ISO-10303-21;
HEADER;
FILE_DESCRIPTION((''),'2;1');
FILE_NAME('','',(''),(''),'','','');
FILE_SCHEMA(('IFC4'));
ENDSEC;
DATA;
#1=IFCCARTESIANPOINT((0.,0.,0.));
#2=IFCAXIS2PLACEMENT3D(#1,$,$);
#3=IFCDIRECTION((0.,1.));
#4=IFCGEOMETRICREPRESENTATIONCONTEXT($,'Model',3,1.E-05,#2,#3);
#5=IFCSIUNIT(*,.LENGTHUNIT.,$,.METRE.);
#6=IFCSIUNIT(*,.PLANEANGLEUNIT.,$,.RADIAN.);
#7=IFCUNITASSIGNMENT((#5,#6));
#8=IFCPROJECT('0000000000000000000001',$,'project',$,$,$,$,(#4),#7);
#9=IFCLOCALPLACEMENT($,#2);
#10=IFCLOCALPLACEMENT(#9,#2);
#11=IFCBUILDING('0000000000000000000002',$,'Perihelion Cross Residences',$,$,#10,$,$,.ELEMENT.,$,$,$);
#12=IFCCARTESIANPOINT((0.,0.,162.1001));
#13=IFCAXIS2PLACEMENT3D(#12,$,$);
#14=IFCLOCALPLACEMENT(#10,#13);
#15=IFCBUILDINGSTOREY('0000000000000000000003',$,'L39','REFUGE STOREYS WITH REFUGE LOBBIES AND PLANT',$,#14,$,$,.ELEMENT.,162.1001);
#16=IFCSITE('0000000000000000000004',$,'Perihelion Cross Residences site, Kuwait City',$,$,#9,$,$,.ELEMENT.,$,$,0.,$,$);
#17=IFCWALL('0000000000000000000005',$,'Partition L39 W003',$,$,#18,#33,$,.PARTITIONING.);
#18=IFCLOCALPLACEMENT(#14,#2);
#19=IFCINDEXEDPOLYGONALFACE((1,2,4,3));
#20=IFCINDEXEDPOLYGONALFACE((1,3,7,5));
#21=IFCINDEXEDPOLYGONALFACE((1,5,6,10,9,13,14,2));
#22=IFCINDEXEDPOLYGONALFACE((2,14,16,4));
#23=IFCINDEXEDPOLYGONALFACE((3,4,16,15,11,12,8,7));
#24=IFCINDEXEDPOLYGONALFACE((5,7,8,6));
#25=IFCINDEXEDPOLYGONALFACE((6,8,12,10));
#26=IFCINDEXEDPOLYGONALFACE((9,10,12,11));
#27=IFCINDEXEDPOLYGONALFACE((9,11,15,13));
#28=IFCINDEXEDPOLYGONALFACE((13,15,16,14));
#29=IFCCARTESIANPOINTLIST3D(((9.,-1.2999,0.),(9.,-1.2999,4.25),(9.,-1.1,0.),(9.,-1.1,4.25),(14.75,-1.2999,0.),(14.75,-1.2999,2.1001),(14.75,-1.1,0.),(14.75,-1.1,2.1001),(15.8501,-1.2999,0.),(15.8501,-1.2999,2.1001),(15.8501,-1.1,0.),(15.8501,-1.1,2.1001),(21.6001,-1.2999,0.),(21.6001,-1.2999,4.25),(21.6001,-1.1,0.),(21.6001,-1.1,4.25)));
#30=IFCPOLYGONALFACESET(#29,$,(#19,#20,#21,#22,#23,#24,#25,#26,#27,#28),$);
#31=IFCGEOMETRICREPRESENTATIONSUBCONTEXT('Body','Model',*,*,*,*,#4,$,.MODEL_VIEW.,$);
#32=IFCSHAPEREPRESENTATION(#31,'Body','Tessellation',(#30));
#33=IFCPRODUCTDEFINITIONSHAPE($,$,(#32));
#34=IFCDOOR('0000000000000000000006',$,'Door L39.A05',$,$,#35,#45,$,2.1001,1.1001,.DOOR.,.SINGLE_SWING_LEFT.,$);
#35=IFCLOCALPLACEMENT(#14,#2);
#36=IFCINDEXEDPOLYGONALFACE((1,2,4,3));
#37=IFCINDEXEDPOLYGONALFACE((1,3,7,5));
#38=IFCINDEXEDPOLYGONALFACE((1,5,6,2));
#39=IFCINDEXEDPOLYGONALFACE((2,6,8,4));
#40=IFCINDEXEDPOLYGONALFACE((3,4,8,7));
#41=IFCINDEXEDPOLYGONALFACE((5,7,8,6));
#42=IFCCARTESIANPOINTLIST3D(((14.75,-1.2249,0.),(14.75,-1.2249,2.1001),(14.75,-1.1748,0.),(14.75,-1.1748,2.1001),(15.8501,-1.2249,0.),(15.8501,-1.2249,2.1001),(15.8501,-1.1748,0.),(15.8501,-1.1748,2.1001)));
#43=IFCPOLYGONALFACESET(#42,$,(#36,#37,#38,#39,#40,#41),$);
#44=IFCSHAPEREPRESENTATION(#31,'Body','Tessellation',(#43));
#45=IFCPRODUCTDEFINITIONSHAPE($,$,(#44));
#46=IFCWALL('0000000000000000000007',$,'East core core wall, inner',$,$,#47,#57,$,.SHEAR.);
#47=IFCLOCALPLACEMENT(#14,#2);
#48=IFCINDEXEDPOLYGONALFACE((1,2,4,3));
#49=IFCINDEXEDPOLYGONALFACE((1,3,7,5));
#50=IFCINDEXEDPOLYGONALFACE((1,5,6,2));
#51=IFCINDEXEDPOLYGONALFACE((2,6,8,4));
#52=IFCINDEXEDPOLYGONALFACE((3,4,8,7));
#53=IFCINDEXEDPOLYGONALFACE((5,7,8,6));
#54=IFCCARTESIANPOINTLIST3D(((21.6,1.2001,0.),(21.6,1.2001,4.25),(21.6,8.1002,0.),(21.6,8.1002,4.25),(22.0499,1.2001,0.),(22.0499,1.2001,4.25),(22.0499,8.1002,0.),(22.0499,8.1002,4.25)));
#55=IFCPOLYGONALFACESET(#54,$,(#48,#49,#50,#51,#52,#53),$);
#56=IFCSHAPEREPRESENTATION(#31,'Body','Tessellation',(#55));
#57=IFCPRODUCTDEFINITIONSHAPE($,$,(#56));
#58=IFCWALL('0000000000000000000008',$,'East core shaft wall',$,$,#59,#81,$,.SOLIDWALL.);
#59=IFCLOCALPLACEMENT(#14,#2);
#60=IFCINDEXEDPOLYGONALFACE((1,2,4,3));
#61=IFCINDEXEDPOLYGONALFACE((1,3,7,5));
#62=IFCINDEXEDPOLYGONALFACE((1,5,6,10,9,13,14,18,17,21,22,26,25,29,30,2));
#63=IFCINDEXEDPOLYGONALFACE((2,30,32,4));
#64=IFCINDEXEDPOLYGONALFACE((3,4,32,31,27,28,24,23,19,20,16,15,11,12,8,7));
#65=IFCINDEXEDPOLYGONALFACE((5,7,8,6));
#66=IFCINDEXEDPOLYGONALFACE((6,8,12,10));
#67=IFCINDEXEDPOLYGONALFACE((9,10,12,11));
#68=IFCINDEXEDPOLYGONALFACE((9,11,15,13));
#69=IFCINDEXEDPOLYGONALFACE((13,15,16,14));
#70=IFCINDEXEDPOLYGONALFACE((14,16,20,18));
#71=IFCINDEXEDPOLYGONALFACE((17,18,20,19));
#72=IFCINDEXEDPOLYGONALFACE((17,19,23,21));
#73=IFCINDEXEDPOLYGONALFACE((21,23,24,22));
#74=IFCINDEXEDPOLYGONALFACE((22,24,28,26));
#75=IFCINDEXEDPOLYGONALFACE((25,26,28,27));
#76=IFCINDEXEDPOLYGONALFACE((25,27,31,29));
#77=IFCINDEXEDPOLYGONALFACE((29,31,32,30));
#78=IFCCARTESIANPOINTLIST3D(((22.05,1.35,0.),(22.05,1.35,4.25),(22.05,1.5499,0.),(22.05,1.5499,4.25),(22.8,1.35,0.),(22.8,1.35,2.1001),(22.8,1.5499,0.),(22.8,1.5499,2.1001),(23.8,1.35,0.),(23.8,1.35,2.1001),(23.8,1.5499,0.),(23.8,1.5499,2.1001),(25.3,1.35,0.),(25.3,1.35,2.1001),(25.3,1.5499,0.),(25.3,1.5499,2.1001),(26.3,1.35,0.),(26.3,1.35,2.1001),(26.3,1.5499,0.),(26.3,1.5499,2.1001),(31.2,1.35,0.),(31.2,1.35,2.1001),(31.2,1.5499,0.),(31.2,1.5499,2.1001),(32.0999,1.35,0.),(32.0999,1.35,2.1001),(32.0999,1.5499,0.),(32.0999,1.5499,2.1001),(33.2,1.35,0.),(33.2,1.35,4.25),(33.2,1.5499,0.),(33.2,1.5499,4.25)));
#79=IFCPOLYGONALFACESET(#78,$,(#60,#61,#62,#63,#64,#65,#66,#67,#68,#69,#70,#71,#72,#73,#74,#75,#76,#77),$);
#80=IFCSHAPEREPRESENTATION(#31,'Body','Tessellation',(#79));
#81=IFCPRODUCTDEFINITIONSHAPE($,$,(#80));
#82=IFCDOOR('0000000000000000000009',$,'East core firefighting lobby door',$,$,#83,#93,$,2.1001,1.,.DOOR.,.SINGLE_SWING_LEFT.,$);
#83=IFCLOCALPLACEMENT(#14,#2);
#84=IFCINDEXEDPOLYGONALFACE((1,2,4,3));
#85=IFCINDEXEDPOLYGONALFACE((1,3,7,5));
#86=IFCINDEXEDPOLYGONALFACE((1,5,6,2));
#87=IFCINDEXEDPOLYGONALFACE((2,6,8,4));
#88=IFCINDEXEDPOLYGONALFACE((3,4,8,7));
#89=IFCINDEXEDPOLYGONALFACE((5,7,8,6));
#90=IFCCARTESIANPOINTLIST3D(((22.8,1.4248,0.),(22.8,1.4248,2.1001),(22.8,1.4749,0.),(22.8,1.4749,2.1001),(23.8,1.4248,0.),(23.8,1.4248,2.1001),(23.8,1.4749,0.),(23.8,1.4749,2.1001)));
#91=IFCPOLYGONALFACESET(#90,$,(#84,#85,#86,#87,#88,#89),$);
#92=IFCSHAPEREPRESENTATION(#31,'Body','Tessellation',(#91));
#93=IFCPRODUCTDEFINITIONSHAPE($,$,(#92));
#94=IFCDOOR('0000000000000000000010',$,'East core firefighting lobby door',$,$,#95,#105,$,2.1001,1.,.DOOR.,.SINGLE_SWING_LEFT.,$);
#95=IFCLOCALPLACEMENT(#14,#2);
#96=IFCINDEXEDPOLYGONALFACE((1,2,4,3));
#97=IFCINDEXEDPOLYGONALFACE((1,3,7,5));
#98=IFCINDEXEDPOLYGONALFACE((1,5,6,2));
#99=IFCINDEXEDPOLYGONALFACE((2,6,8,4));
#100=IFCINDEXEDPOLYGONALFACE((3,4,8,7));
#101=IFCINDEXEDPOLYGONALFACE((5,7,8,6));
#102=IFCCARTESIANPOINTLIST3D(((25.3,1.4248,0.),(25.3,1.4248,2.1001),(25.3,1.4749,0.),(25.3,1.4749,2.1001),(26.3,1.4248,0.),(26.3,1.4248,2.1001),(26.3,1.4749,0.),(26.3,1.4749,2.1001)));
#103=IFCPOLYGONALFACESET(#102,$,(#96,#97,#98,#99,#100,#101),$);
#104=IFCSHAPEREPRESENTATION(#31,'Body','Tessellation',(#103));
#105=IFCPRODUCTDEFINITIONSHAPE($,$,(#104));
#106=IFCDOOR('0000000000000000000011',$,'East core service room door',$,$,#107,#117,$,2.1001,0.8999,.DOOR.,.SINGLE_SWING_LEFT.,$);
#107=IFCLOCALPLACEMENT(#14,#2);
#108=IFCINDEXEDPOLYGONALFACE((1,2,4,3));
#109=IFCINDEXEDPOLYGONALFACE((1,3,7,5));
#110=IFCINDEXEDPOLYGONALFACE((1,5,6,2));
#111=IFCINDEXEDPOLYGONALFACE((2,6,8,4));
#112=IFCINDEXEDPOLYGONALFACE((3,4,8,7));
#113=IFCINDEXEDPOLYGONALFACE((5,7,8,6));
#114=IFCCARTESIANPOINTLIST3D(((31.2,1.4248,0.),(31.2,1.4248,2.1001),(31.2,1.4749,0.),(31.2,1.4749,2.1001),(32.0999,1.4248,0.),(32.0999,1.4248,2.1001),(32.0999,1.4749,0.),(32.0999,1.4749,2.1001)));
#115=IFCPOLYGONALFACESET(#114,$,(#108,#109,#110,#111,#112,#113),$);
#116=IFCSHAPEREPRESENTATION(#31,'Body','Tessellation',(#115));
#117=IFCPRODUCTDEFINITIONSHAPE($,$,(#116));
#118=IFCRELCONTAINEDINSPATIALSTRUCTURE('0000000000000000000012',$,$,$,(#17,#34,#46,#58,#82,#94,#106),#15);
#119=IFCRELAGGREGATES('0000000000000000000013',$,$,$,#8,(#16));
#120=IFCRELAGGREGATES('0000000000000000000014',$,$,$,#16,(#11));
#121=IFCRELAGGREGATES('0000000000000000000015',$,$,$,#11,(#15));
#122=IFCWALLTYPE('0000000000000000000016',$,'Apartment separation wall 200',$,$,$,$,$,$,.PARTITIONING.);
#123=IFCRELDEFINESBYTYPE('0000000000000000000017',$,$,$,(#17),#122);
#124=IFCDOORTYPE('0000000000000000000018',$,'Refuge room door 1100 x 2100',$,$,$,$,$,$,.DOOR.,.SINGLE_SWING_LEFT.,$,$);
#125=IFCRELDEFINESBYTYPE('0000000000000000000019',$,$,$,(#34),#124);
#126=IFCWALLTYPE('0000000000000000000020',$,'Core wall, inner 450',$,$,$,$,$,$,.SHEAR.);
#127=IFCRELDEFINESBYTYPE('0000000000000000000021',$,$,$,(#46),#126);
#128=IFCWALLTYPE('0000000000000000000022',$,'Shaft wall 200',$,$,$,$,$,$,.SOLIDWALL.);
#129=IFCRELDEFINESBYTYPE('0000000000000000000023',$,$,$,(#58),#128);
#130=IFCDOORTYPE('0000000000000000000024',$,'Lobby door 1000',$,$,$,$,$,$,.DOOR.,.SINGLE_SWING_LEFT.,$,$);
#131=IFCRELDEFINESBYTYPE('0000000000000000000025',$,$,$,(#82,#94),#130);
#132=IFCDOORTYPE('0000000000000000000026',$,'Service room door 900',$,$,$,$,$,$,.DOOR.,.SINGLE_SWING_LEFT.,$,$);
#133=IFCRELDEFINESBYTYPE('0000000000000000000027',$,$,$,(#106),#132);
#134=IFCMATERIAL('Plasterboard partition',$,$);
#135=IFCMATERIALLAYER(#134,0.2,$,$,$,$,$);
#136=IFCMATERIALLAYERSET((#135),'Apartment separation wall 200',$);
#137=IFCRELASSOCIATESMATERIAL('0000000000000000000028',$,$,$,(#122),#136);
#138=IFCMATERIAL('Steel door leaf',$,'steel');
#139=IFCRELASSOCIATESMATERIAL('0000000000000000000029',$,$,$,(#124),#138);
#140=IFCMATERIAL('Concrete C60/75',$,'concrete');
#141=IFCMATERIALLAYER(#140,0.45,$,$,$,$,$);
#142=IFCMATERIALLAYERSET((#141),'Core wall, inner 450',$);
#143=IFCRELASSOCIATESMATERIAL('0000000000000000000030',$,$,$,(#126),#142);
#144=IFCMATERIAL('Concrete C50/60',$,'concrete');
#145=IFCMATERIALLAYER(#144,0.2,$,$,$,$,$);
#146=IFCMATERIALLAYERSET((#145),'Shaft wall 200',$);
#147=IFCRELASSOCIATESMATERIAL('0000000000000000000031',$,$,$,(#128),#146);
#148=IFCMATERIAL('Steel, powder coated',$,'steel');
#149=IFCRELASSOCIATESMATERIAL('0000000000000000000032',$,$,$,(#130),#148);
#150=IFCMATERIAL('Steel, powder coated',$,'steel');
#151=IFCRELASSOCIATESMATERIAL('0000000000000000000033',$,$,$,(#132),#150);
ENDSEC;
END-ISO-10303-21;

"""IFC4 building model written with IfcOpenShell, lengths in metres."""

from ifc_helpers import new_model, si_unit, direction, frame, frame_2d, origin, place, context, subcontext, project, spatial, rectangle, extrude, material, layer, layer_set, type_object, element, fill, save


model = new_model("IFC4")

# Units and contexts
model_context = context("Model", 3, precision=1e-05, world=origin(), true_north=direction((0.0, 1.0)))
body_context = subcontext(model_context, "Body", "Model", "MODEL_VIEW")
ifc_project = project(units=[si_unit("LENGTHUNIT", "METRE"), si_unit("PLANEANGLEUNIT", "RADIAN")], contexts=[model_context])

# Site, building, storey
site_placement = place(None, origin())
site = spatial("IfcSite", under=ifc_project, at=site_placement, Name="Perihelion Cross Residences site, Kuwait City", CompositionType="ELEMENT", RefElevation=0.0)
building_placement = place(site_placement, origin())
building = spatial("IfcBuilding", under=site, at=building_placement, Name="Perihelion Cross Residences", CompositionType="ELEMENT")
storey_placement = place(building_placement, frame((0.0, 0.0, 162.1001)))
storey = spatial("IfcBuildingStorey", under=building, at=storey_placement, Name="L39", Description="REFUGE STOREYS WITH REFUGE LOBBIES AND PLANT", CompositionType="ELEMENT", Elevation=162.1001)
※ ※ ※
Copy out the entries exactly. Begin at the first line and end with the line that has "#6=IFCSIUNIT(*,.PLANEANGLEUNIT.,$,.RADIAN.);".

* [Output below]:
ISO-10303-21;
HEADER;
FILE_DESCRIPTION((''),'2;1');
FILE_NAME('','',(''),(''),'','','');
FILE_SCHEMA(('IFC4'));
ENDSEC;
DATA;
#1=IFCCARTESIANPOINT((0.,0.,0.));
#2=IFCAXIS2PLACEMENT3D(#1,$,$);
#3=IFCDIRECTION((0.,1.));
#4=IFCGEOMETRICREPRESENTATIONCONTEXT($,'Model',3,1.E-05,#2,#3);
#5=IFCSIUNIT(*,.LENGTHUNIT.,$,.METRE.);
#6=IFCSIUNIT(*,.PLANEANGLEUNIT.,$,.RADIAN.);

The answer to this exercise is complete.